**Data for the task:**

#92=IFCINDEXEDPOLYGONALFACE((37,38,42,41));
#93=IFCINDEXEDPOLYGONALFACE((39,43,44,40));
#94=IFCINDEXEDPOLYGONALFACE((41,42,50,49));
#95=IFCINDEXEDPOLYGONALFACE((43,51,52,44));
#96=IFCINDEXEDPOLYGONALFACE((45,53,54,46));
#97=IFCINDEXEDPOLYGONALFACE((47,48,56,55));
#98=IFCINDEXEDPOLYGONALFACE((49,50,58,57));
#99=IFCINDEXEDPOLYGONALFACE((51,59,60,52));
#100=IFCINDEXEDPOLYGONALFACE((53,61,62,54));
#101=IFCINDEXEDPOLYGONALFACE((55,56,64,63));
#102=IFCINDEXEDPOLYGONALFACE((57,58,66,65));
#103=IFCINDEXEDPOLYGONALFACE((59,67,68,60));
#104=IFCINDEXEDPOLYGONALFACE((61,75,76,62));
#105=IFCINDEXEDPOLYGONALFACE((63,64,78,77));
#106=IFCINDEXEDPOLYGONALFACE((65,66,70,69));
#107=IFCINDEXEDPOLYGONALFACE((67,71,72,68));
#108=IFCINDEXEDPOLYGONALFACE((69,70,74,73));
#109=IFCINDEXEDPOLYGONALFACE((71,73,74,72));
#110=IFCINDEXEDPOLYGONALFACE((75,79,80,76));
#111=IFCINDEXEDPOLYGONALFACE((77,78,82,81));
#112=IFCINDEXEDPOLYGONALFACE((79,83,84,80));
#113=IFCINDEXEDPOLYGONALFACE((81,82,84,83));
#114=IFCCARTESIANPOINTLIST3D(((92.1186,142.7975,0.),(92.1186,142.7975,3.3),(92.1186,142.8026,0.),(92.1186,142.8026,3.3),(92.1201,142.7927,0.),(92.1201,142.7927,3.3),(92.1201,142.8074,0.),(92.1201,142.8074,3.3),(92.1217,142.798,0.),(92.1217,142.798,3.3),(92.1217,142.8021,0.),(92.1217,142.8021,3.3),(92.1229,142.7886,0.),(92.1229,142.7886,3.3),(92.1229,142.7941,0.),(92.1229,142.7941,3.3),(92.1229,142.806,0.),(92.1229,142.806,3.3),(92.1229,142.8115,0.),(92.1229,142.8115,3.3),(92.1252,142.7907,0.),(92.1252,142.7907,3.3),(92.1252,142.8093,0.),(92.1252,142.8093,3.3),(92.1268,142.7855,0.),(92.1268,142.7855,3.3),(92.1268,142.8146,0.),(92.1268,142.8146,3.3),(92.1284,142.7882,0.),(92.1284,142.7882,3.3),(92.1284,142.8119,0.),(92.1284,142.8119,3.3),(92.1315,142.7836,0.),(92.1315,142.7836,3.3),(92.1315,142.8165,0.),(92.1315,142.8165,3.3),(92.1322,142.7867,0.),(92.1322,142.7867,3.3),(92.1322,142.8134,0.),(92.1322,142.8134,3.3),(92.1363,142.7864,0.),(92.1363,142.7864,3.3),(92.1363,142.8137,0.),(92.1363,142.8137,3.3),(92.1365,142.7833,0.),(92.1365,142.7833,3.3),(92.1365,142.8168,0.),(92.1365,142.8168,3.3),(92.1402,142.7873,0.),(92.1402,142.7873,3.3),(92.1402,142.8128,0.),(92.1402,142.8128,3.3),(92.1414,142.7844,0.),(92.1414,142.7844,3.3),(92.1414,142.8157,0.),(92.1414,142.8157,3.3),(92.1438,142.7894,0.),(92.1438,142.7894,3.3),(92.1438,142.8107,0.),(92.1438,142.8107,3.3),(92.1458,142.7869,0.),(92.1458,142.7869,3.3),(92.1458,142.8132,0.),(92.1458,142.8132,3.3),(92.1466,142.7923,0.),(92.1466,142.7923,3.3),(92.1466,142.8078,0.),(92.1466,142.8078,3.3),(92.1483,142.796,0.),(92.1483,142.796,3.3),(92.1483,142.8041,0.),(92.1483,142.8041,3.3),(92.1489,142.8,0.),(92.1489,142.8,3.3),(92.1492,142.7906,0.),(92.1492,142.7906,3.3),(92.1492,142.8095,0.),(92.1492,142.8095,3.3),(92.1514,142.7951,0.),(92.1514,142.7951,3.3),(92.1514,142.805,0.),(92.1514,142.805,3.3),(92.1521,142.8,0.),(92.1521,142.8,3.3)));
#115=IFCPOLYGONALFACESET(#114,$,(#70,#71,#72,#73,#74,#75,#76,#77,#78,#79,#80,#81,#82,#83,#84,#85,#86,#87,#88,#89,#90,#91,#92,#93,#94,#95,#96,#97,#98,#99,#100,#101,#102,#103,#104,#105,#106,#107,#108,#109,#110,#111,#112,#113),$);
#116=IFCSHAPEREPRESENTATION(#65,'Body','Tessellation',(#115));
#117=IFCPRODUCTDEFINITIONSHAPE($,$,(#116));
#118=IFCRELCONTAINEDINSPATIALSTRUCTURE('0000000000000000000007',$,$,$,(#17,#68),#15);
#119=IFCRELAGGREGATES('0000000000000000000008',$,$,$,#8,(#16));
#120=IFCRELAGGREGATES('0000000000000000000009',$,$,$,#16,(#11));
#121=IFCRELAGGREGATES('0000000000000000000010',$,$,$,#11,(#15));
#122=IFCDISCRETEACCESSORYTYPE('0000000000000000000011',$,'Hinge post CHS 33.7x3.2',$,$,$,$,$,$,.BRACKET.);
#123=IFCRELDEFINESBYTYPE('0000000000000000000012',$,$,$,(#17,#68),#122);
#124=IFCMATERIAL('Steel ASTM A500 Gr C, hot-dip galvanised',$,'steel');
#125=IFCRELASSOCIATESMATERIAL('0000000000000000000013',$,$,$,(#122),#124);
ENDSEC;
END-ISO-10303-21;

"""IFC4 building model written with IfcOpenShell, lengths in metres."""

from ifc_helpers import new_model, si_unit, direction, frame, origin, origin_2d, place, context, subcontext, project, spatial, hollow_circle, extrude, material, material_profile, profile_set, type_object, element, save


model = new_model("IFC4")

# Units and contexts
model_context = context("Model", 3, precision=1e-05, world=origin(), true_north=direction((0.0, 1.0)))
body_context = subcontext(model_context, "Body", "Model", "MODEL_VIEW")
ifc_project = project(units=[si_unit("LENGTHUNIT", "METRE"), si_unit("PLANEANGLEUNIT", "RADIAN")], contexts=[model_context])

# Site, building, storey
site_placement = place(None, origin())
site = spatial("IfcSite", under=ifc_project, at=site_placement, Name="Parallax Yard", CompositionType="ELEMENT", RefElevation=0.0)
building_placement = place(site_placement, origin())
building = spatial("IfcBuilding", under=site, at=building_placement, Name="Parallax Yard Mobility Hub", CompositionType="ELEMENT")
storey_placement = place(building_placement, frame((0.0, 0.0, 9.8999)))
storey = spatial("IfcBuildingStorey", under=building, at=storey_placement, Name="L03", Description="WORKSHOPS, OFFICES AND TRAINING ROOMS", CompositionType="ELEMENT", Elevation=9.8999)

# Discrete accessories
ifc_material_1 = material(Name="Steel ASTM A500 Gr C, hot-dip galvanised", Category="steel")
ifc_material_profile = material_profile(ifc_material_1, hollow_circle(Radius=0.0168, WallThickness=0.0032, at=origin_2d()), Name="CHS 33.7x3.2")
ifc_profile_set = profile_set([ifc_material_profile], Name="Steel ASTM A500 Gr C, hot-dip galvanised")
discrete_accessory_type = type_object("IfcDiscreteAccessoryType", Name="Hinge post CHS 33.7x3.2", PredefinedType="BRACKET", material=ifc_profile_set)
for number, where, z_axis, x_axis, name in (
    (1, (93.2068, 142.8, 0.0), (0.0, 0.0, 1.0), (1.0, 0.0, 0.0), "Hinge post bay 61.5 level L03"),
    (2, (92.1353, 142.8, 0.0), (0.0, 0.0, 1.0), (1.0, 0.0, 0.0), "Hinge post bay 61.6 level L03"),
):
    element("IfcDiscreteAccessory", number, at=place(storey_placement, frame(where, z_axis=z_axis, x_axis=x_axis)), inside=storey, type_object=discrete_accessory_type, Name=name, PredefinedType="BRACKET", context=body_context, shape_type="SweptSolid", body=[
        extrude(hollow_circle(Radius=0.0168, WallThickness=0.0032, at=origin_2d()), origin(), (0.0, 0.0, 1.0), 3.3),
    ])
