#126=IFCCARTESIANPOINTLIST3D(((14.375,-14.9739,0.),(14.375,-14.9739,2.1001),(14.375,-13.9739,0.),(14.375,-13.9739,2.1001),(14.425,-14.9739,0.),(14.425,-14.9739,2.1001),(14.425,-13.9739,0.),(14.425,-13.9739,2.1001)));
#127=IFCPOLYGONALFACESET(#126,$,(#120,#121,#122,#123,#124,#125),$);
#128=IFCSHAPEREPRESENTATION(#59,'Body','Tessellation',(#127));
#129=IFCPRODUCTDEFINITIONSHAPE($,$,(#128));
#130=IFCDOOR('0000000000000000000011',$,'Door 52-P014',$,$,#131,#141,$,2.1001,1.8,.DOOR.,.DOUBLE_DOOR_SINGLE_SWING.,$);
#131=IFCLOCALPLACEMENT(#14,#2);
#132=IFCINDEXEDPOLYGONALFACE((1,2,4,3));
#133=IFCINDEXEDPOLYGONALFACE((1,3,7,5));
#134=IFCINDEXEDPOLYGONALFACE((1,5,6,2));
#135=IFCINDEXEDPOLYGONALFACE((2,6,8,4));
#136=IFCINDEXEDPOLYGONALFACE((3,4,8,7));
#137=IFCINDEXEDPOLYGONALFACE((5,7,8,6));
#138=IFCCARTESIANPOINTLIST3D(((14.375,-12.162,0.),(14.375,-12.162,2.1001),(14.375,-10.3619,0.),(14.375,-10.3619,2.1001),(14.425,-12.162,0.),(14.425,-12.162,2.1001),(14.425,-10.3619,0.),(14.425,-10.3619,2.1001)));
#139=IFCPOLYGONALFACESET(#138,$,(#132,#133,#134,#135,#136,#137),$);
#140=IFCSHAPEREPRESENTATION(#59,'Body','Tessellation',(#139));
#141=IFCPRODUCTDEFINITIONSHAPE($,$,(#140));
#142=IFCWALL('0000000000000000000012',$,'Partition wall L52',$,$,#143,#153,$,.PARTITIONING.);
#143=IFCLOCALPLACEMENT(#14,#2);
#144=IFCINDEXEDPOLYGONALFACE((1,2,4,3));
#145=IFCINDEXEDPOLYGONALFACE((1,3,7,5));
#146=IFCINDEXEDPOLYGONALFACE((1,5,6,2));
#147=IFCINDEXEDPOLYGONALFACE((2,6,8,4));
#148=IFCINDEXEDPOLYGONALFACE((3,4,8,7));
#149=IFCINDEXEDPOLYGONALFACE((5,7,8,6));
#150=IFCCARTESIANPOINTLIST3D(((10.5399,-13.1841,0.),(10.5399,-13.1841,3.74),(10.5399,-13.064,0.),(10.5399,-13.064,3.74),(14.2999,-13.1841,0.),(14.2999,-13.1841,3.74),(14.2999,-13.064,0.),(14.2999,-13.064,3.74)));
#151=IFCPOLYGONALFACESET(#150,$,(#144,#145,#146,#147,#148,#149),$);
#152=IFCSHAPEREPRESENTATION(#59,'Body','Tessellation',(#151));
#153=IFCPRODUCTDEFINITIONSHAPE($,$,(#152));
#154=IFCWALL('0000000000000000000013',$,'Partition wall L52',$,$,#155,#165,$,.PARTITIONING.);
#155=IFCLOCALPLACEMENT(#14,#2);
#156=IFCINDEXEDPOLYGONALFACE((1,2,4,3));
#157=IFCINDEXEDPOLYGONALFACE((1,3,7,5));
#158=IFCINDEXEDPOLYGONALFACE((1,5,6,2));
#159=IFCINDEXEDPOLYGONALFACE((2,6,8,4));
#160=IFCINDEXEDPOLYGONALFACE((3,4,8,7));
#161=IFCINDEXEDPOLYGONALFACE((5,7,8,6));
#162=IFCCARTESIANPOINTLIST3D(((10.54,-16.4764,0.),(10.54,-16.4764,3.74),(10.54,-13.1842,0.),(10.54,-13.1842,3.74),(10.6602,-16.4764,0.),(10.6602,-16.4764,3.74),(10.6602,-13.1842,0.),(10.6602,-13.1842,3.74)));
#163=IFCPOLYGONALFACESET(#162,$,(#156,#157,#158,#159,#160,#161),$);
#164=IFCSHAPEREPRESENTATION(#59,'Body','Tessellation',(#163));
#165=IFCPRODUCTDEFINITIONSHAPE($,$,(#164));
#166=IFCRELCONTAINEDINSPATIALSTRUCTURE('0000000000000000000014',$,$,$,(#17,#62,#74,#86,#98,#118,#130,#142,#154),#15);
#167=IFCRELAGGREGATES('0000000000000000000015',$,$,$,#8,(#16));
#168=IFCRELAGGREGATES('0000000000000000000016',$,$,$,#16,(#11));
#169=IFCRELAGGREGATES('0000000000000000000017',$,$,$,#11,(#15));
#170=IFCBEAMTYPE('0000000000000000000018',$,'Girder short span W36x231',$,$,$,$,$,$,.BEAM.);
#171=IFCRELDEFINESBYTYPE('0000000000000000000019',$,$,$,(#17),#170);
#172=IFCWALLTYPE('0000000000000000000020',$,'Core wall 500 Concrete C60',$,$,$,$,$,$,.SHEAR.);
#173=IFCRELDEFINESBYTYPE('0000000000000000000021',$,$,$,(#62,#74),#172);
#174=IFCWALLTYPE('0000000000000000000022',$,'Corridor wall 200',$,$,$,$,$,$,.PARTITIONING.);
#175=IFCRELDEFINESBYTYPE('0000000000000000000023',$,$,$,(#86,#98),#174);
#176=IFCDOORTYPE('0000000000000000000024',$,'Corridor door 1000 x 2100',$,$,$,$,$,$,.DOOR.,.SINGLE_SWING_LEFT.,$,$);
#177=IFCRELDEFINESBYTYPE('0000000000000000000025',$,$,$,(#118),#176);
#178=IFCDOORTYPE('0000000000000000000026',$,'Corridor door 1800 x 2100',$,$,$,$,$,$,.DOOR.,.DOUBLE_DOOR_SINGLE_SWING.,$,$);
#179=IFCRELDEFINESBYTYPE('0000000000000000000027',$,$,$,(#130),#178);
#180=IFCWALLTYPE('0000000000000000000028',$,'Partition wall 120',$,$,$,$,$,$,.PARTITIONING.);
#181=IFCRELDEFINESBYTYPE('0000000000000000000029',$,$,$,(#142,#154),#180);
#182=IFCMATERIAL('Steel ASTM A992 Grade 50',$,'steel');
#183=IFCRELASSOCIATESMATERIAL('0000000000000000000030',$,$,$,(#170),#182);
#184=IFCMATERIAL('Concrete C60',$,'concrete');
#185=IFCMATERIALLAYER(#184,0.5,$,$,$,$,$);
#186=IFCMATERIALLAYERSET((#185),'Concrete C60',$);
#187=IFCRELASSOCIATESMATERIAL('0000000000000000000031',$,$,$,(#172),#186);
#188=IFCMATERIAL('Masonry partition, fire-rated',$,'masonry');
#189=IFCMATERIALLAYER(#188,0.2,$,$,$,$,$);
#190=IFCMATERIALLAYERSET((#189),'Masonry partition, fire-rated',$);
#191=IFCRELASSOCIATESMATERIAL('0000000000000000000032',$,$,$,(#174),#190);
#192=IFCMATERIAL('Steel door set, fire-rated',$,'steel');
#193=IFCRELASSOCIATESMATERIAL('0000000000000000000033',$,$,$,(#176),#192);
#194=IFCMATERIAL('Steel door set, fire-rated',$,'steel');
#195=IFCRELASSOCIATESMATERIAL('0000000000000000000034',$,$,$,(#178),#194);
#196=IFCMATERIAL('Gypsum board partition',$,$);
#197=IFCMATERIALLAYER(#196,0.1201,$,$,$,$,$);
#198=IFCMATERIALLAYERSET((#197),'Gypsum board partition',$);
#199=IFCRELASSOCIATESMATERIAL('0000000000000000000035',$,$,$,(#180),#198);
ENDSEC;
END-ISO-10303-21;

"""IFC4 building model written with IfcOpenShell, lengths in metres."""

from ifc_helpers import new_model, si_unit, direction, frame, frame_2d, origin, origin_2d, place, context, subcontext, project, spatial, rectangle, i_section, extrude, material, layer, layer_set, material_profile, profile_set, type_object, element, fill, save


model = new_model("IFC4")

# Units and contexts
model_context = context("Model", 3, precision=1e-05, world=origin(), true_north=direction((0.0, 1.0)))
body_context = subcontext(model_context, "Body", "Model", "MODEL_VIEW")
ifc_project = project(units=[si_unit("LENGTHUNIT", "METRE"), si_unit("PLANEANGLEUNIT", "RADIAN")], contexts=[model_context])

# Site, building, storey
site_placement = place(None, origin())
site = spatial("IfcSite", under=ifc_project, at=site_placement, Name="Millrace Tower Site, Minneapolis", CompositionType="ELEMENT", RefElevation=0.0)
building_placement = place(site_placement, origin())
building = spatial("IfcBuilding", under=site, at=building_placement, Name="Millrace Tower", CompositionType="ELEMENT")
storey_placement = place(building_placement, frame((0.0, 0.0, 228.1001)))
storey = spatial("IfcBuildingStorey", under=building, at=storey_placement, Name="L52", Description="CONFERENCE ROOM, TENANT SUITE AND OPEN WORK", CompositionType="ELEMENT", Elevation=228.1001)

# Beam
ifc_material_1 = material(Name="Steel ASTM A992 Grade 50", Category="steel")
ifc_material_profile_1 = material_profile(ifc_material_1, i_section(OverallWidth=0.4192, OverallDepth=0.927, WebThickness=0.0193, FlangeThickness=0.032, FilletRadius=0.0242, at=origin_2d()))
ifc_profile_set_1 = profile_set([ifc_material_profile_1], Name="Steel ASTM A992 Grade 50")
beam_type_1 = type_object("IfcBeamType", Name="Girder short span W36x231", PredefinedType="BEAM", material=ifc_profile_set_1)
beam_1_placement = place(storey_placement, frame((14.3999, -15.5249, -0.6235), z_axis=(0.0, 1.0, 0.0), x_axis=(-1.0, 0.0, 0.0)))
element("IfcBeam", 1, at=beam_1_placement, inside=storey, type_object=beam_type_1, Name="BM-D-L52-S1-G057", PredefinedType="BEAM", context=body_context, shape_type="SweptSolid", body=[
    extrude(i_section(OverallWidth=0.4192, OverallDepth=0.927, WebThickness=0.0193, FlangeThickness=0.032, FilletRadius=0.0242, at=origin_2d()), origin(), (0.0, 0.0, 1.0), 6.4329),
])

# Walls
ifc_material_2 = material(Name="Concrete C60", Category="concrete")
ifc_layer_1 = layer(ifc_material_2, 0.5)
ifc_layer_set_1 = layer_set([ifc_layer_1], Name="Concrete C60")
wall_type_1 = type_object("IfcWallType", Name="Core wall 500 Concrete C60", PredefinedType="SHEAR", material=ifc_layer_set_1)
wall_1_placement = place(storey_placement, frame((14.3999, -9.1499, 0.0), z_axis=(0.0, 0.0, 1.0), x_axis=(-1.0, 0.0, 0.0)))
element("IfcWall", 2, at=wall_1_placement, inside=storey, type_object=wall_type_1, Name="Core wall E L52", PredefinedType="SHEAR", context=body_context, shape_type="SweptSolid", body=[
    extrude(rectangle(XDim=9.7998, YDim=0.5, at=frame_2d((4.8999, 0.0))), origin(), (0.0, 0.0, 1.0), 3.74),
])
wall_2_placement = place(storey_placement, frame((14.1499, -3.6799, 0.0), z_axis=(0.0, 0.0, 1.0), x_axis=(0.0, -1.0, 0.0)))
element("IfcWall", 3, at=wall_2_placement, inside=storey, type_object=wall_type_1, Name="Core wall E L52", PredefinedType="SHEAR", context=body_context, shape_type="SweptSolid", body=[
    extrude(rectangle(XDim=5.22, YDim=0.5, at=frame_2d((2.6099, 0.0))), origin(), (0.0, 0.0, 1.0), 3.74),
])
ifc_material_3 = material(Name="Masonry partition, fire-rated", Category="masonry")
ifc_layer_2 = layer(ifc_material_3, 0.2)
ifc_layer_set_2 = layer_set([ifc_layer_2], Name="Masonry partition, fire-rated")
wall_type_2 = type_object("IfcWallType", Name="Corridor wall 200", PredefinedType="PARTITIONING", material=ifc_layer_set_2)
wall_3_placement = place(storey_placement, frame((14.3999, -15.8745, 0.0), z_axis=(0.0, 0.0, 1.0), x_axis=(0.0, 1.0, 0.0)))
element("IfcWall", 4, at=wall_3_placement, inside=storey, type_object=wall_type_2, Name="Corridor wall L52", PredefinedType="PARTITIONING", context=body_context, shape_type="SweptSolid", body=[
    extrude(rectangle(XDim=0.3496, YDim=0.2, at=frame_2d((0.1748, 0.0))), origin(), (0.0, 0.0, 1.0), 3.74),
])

**Task details:** Please give back only the lines between the first line of the entries and the line with "#113=IFCINDEXEDPOLYGONALFACE((81,82,84,83));", both ends included, word for word.

**Task answer:**
#92=IFCINDEXEDPOLYGONALFACE((37,38,42,41));
#93=IFCINDEXEDPOLYGONALFACE((39,43,44,40));
#94=IFCINDEXEDPOLYGONALFACE((41,42,50,49));
#95=IFCINDEXEDPOLYGONALFACE((43,51,52,44));
#96=IFCINDEXEDPOLYGONALFACE((45,53,54,46));
#97=IFCINDEXEDPOLYGONALFACE((47,48,56,55));
#98=IFCINDEXEDPOLYGONALFACE((49,50,58,57));
#99=IFCINDEXEDPOLYGONALFACE((51,59,60,52));
#100=IFCINDEXEDPOLYGONALFACE((53,61,62,54));
#101=IFCINDEXEDPOLYGONALFACE((55,56,64,63));
#102=IFCINDEXEDPOLYGONALFACE((57,58,66,65));
#103=IFCINDEXEDPOLYGONALFACE((59,67,68,60));
#104=IFCINDEXEDPOLYGONALFACE((61,75,76,62));
#105=IFCINDEXEDPOLYGONALFACE((63,64,78,77));
#106=IFCINDEXEDPOLYGONALFACE((65,66,70,69));
#107=IFCINDEXEDPOLYGONALFACE((67,71,72,68));
#108=IFCINDEXEDPOLYGONALFACE((69,70,74,73));
#109=IFCINDEXEDPOLYGONALFACE((71,73,74,72));
#110=IFCINDEXEDPOLYGONALFACE((75,79,80,76));
#111=IFCINDEXEDPOLYGONALFACE((77,78,82,81));
#112=IFCINDEXEDPOLYGONALFACE((79,83,84,80));
#113=IFCINDEXEDPOLYGONALFACE((81,82,84,83));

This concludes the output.